Description of the task:
Using the entries that follow, state how many lines contain "IFCRELCONTAINEDINSPATIALSTRUCTURE", with no other words.

═══ Excerpted records ═══

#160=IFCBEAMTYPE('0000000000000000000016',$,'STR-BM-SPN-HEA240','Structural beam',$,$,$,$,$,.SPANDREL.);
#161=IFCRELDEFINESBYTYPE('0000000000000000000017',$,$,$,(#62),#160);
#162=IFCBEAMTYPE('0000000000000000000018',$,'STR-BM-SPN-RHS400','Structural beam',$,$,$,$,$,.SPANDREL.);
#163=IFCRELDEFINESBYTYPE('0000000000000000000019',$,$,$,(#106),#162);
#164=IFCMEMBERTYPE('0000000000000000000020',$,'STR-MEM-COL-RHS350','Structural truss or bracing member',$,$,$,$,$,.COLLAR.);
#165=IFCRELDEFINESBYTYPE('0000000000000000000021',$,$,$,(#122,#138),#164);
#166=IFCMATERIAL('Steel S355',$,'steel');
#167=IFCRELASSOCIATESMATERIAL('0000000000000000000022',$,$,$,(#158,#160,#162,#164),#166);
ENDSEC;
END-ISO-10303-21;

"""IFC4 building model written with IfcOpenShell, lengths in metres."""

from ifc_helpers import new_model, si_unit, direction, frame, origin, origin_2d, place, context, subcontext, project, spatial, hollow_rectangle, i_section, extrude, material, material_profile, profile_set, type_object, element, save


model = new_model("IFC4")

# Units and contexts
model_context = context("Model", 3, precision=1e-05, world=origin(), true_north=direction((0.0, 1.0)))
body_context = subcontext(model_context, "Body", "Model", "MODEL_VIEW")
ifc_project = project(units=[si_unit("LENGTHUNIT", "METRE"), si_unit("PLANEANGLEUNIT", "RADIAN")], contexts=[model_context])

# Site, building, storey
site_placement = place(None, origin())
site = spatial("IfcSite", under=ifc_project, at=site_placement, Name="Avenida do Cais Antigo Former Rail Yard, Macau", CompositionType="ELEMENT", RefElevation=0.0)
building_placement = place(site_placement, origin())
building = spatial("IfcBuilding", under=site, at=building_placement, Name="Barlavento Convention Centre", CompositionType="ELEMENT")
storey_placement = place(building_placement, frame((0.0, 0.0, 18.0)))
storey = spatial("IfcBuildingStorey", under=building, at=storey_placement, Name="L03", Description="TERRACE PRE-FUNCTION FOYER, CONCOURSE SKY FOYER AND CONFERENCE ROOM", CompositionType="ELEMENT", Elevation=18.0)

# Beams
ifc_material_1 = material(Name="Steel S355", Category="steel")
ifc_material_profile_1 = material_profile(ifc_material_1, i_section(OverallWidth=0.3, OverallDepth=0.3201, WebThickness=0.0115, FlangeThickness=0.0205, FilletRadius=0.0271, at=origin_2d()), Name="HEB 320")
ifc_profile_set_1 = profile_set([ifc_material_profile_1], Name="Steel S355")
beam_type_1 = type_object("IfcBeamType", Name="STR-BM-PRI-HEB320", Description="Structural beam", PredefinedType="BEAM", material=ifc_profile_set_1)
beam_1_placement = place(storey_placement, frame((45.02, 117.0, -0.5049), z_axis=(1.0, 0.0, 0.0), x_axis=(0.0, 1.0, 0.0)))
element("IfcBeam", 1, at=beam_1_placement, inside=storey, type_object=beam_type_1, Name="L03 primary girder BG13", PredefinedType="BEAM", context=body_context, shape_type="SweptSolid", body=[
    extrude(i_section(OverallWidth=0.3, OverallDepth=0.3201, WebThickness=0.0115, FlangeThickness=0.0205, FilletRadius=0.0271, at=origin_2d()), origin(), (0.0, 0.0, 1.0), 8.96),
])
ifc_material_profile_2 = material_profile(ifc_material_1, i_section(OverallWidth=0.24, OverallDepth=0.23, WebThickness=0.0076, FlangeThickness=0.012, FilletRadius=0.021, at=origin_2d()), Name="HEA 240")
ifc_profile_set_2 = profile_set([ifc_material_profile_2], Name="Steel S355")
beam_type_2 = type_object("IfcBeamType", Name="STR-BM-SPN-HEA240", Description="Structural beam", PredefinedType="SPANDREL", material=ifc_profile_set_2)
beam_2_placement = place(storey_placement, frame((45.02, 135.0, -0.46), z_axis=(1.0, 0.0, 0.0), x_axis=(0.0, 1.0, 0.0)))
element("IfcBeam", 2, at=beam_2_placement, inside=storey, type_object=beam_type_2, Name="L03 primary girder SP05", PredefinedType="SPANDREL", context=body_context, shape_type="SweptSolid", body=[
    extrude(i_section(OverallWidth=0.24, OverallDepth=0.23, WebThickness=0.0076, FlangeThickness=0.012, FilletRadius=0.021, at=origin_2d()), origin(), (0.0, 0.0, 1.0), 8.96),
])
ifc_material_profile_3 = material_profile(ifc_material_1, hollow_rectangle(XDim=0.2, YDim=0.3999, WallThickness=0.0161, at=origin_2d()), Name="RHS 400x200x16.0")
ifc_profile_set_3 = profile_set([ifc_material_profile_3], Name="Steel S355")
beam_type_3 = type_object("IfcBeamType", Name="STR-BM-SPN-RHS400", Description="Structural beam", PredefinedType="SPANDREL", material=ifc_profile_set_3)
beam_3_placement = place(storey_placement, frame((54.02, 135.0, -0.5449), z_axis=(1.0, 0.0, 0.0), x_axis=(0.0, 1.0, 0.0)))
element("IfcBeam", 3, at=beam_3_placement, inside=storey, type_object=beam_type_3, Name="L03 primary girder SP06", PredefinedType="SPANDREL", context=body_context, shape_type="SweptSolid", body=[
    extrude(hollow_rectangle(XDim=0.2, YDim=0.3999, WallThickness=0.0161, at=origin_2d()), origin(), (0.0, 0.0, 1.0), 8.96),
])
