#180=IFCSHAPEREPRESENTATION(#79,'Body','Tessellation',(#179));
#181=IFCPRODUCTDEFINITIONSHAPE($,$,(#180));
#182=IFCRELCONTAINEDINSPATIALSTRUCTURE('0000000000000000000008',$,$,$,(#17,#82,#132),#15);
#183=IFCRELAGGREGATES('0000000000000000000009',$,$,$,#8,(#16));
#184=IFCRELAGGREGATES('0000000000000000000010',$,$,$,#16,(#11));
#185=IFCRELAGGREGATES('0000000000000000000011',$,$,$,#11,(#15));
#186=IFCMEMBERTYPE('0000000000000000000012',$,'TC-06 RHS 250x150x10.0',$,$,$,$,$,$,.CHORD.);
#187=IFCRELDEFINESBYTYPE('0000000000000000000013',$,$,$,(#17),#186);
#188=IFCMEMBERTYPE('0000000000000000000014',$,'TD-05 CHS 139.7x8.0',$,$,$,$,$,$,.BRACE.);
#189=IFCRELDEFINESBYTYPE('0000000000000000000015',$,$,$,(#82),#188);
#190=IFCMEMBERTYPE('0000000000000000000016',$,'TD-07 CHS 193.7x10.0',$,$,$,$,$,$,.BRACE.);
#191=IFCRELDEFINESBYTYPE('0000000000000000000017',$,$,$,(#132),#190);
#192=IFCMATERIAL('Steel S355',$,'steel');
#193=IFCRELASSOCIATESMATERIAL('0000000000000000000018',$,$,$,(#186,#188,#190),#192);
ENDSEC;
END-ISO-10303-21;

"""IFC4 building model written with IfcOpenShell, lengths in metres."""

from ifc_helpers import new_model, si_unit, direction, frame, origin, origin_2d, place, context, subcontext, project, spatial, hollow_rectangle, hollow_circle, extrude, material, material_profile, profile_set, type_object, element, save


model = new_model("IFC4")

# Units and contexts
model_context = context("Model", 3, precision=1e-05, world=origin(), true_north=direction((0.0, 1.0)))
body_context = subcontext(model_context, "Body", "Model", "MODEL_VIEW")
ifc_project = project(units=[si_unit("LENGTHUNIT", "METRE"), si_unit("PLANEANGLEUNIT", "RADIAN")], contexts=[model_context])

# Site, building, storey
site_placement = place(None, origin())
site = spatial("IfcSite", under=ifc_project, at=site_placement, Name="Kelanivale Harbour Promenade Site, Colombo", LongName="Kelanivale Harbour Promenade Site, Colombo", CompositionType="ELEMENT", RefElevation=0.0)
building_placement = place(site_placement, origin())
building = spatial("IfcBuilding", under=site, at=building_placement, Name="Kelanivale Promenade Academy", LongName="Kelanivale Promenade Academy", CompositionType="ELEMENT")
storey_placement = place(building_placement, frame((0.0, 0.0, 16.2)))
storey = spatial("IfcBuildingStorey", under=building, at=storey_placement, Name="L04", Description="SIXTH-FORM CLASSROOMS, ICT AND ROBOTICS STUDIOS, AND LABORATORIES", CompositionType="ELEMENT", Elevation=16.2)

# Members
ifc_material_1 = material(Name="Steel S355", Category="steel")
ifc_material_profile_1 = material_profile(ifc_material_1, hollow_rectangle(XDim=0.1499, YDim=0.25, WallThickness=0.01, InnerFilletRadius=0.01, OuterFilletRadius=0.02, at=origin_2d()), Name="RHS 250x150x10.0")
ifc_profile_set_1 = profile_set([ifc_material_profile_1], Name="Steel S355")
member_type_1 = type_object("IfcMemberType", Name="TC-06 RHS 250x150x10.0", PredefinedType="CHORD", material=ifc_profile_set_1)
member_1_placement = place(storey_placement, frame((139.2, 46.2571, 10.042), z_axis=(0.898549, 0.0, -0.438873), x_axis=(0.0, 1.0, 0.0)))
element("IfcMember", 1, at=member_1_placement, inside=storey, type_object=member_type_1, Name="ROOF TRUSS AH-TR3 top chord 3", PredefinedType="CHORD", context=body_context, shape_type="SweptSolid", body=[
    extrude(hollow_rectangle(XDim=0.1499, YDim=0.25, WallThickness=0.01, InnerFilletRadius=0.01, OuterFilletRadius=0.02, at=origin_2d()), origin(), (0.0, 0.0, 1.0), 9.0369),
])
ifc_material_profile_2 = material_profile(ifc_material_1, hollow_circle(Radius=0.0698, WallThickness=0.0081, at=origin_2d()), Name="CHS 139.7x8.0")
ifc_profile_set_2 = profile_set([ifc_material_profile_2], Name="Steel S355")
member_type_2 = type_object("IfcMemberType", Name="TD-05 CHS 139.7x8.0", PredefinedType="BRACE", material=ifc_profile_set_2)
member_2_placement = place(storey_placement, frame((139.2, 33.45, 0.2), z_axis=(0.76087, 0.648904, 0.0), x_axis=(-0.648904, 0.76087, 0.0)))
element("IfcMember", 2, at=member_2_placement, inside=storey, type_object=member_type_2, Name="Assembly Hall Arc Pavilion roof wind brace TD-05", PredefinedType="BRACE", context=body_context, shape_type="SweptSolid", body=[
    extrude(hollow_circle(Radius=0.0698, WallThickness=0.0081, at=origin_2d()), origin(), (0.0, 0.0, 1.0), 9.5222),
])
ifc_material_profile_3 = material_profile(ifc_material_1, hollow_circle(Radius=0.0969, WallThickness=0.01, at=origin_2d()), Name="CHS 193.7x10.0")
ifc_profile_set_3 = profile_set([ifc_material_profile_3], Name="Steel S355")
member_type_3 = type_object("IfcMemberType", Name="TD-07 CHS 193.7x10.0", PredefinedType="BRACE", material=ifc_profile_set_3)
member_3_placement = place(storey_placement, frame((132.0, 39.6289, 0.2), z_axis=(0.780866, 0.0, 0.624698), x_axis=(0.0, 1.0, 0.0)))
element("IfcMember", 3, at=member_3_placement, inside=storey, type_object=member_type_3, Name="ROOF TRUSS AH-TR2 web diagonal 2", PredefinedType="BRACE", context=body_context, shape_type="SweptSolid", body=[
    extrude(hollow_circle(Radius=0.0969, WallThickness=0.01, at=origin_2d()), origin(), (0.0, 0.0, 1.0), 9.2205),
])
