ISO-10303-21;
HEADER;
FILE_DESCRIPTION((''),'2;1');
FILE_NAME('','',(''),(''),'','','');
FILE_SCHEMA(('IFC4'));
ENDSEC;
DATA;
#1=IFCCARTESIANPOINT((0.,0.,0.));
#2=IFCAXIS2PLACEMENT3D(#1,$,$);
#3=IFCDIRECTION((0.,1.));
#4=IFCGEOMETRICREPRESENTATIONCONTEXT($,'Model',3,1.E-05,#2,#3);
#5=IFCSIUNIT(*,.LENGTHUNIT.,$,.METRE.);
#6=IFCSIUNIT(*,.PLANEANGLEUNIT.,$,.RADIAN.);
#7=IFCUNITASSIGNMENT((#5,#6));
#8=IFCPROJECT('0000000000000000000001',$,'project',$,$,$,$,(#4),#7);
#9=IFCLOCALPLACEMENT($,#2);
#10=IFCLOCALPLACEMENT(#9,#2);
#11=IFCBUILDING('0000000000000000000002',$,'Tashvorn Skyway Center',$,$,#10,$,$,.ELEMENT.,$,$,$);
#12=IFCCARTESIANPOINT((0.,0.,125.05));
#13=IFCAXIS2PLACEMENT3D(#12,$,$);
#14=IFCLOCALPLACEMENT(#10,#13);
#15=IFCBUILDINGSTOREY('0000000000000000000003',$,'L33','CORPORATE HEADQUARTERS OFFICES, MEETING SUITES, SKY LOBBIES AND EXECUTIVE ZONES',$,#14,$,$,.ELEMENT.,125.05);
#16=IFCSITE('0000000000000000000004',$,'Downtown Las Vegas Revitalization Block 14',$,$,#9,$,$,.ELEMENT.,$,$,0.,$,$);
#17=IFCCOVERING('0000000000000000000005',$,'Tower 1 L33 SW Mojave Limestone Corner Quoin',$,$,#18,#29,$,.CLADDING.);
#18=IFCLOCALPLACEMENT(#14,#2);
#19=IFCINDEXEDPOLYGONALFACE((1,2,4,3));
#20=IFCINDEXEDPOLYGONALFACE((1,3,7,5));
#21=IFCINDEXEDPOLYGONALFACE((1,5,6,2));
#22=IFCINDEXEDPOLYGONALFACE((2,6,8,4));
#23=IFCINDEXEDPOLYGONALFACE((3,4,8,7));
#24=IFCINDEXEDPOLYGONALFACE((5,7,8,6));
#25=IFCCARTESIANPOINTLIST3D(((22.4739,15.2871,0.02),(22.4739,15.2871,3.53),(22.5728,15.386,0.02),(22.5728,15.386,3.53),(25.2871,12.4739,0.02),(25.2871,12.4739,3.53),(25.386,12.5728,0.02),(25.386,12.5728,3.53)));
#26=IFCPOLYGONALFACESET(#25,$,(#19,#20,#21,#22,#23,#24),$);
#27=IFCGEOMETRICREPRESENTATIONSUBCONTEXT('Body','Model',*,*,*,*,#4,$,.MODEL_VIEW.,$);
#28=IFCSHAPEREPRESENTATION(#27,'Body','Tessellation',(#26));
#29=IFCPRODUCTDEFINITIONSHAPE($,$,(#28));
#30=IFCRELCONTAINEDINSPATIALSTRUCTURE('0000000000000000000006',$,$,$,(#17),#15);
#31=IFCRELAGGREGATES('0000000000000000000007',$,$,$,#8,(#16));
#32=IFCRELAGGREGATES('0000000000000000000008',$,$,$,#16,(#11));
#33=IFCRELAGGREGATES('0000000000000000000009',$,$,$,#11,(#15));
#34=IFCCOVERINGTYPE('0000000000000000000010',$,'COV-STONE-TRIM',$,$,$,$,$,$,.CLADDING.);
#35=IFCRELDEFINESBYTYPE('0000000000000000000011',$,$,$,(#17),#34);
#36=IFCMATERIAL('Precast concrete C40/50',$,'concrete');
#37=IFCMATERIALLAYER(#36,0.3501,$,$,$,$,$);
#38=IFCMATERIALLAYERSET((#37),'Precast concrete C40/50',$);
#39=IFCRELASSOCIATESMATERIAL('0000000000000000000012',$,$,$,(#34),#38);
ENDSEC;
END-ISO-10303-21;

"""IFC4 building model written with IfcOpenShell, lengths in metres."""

from ifc_helpers import new_model, si_unit, direction, frame, origin, origin_2d, place, context, subcontext, project, spatial, rectangle, extrude, material, layer, layer_set, type_object, element, save


model = new_model("IFC4")

# Units and contexts
model_context = context("Model", 3, precision=1e-05, world=origin(), true_north=direction((0.0, 1.0)))
body_context = subcontext(model_context, "Body", "Model", "MODEL_VIEW")
ifc_project = project(units=[si_unit("LENGTHUNIT", "METRE"), si_unit("PLANEANGLEUNIT", "RADIAN")], contexts=[model_context])

# Site, building, storey
site_placement = place(None, origin())
site = spatial("IfcSite", under=ifc_project, at=site_placement, Name="Downtown Las Vegas Revitalization Block 14", CompositionType="ELEMENT", RefElevation=0.0)
building_placement = place(site_placement, origin())
building = spatial("IfcBuilding", under=site, at=building_placement, Name="Tashvorn Skyway Center", CompositionType="ELEMENT")
storey_placement = place(building_placement, frame((0.0, 0.0, 125.05)))
storey = spatial("IfcBuildingStorey", under=building, at=storey_placement, Name="L33", Description="CORPORATE HEADQUARTERS OFFICES, MEETING SUITES, SKY LOBBIES AND EXECUTIVE ZONES", CompositionType="ELEMENT", Elevation=125.05)

# Shared definitions
ifc_material_1 = material(Name="Precast concrete C40/50", Category="concrete")

# Covering
ifc_layer_1 = layer(ifc_material_1, 0.3501)
ifc_layer_set_1 = layer_set([ifc_layer_1], Name="Precast concrete C40/50")
covering_type_1 = type_object("IfcCoveringType", Name="COV-STONE-TRIM", PredefinedType="CLADDING", material=ifc_layer_set_1)
covering_1_placement = place(storey_placement, frame((23.9299, 13.9299, 0.02), z_axis=(0.0, 0.0, 1.0), x_axis=(-0.707107, 0.707107, 0.0)))
element("IfcCovering", 1, at=covering_1_placement, inside=storey, type_object=covering_type_1, Name="Tower 1 L33 SW Mojave Limestone Corner Quoin", PredefinedType="CLADDING", context=body_context, shape_type="SweptSolid", body=[
    extrude(rectangle(XDim=3.9785, YDim=0.1399, at=origin_2d()), origin(), (0.0, 0.0, 1.0), 3.51),
])

save(model, "model.ifc")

═══

Output of the exercise:
2